### Data for analysis ###
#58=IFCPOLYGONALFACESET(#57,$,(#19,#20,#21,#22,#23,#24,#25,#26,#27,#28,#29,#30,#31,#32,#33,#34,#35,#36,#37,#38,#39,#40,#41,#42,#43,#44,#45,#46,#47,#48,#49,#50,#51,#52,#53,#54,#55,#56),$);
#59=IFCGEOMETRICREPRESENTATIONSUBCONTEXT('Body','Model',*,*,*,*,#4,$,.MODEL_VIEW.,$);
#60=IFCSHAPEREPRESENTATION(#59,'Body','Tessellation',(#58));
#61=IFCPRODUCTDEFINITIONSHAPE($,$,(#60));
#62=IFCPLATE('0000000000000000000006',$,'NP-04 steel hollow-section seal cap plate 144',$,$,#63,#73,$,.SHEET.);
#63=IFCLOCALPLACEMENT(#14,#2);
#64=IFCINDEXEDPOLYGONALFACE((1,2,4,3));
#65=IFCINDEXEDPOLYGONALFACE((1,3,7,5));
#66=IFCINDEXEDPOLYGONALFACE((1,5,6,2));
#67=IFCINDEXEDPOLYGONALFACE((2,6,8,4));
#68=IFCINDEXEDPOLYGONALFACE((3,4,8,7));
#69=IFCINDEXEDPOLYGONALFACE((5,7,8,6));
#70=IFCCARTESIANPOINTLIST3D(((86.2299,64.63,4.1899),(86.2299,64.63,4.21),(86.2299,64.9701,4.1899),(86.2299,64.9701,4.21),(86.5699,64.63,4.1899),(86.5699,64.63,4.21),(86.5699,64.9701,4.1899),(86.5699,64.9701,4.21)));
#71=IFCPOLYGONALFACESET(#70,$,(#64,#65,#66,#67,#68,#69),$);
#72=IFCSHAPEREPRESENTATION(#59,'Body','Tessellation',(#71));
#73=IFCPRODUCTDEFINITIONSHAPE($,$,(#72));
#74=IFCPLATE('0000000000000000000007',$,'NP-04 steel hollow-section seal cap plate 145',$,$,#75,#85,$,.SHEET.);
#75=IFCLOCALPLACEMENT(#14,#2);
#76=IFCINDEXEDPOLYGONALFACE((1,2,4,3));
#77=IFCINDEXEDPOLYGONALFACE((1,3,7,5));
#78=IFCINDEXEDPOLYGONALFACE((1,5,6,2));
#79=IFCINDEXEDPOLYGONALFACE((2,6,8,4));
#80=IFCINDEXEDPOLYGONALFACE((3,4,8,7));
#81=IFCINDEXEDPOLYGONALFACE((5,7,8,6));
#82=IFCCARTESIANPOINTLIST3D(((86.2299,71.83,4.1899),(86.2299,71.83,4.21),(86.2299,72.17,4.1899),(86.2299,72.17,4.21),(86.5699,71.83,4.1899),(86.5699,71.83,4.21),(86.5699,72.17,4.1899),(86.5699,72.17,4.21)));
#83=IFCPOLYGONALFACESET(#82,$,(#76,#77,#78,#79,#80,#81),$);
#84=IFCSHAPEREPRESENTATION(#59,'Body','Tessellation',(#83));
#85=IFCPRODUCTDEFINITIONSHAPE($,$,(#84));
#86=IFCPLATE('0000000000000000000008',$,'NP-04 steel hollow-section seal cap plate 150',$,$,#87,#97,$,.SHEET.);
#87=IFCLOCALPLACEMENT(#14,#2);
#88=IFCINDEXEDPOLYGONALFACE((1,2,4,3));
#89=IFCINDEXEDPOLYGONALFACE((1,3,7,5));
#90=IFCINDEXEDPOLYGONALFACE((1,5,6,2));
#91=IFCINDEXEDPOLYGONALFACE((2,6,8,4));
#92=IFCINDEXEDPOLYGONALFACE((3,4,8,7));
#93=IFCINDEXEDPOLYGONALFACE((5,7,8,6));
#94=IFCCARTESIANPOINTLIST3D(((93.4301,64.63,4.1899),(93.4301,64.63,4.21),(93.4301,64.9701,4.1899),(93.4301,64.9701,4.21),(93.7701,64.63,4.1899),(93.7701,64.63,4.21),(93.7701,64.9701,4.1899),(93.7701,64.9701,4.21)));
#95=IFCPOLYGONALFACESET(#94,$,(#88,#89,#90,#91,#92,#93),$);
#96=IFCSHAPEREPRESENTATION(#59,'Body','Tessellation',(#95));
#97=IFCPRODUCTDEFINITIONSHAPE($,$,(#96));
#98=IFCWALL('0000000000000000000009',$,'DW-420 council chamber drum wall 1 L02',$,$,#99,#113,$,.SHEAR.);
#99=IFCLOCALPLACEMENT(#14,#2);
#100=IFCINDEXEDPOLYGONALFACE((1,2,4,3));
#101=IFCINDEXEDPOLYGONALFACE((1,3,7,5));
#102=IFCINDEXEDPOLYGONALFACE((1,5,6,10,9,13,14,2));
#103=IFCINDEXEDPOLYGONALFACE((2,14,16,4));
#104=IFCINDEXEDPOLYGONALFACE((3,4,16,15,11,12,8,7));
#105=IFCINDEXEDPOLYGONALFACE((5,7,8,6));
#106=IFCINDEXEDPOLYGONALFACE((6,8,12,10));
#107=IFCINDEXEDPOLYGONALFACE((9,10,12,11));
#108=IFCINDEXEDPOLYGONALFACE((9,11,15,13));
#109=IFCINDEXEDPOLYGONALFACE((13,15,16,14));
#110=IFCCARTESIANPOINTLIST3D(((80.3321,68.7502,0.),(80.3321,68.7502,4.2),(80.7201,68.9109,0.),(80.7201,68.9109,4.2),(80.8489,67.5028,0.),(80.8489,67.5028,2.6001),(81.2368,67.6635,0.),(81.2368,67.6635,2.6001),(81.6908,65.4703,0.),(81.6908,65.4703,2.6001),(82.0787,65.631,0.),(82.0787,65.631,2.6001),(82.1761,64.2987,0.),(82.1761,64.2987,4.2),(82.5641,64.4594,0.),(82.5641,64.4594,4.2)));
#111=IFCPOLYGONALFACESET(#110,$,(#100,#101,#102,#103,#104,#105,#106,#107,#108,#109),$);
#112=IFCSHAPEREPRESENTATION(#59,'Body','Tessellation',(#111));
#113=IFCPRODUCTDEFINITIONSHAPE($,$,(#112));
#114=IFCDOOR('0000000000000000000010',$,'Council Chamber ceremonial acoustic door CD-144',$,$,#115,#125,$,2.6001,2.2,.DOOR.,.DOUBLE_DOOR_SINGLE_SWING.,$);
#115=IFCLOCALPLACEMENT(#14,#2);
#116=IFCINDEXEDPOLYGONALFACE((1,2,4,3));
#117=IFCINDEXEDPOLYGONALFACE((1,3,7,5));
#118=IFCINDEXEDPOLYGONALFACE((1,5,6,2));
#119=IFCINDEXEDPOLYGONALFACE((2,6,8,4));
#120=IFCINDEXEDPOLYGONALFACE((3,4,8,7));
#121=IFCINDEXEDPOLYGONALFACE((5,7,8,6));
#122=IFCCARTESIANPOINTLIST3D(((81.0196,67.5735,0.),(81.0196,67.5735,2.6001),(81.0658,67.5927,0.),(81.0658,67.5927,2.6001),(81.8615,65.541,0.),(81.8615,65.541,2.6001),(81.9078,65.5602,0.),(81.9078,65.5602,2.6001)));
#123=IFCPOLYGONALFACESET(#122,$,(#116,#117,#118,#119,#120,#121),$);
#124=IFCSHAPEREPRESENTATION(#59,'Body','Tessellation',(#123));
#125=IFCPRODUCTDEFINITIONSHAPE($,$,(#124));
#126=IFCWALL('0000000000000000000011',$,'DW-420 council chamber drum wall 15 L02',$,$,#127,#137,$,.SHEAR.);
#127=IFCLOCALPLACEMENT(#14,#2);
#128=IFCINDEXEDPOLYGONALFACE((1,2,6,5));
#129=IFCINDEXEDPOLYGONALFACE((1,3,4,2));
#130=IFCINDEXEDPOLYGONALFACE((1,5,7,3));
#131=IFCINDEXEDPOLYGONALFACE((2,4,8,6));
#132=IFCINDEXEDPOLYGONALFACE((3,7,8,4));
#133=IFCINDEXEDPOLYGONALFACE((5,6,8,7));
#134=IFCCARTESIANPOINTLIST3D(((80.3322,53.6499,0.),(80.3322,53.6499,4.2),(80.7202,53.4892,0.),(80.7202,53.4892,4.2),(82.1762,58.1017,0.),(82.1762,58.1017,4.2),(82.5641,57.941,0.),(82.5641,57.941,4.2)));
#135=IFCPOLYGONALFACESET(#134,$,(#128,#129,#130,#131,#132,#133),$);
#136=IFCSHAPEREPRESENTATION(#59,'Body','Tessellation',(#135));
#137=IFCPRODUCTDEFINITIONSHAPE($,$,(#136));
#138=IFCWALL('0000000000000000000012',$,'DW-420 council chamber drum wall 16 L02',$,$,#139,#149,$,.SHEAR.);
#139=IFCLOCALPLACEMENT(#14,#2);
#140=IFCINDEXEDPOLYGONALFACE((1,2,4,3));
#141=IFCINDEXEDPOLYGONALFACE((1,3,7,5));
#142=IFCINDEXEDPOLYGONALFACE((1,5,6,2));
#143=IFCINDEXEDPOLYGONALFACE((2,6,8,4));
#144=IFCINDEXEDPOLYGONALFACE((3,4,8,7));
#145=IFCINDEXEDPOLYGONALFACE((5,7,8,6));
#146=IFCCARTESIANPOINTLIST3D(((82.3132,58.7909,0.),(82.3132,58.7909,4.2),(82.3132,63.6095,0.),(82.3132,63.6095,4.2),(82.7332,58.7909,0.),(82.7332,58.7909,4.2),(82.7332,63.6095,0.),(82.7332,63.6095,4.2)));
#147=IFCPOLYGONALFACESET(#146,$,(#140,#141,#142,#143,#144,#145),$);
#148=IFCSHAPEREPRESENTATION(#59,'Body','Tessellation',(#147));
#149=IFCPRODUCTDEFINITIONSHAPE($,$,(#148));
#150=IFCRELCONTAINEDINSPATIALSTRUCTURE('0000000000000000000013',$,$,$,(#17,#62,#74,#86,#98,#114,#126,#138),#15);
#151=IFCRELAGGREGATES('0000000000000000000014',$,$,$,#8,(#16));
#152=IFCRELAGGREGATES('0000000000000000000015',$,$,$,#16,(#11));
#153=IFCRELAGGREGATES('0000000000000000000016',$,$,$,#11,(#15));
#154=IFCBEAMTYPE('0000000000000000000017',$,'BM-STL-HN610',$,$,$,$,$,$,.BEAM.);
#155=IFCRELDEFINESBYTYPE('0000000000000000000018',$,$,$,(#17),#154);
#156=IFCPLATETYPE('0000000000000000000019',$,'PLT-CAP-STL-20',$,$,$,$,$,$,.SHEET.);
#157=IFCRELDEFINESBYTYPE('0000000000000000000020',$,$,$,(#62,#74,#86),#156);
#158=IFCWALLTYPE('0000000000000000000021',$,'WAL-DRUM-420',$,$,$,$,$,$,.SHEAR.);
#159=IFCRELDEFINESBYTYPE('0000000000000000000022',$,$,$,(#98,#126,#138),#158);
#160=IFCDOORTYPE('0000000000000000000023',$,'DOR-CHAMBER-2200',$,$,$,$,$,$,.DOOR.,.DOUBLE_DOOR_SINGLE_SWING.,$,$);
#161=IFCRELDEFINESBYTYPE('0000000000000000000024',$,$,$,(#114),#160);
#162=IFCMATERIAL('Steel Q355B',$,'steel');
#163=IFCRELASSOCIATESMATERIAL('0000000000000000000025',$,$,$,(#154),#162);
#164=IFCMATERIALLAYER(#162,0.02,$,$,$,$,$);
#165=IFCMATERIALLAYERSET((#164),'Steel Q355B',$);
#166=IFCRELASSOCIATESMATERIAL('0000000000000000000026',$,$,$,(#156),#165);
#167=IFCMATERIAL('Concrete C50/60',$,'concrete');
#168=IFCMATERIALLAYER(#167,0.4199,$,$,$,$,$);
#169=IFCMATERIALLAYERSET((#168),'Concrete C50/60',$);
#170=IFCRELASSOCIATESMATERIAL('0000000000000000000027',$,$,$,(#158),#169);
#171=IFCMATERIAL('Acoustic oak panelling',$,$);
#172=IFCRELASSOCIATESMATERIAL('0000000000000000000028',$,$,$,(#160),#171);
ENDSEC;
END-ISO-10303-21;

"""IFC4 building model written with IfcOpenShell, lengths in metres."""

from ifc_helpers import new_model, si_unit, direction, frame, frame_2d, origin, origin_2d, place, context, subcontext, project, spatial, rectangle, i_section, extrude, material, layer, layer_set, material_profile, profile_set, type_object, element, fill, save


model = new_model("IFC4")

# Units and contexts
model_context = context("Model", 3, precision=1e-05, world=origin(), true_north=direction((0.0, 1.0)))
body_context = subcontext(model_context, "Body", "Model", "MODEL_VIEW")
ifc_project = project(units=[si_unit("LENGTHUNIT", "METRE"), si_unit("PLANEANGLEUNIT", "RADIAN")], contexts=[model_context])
###
Reproduce exactly the section above that begins at the line containing "#162=IFCMATERIAL('Steel Q355B',$,'steel');" and ends at the line containing "#169=IFCMATERIALLAYERSET((#168),'Concrete C50/60',$);", leaving out all other lines.

#162=IFCMATERIAL('Steel Q355B',$,'steel');
#163=IFCRELASSOCIATESMATERIAL('0000000000000000000025',$,$,$,(#154),#162);
#164=IFCMATERIALLAYER(#162,0.02,$,$,$,$,$);
#165=IFCMATERIALLAYERSET((#164),'Steel Q355B',$);
#166=IFCRELASSOCIATESMATERIAL('0000000000000000000026',$,$,$,(#156),#165);
#167=IFCMATERIAL('Concrete C50/60',$,'concrete');
#168=IFCMATERIALLAYER(#167,0.4199,$,$,$,$,$);
#169=IFCMATERIALLAYERSET((#168),'Concrete C50/60',$);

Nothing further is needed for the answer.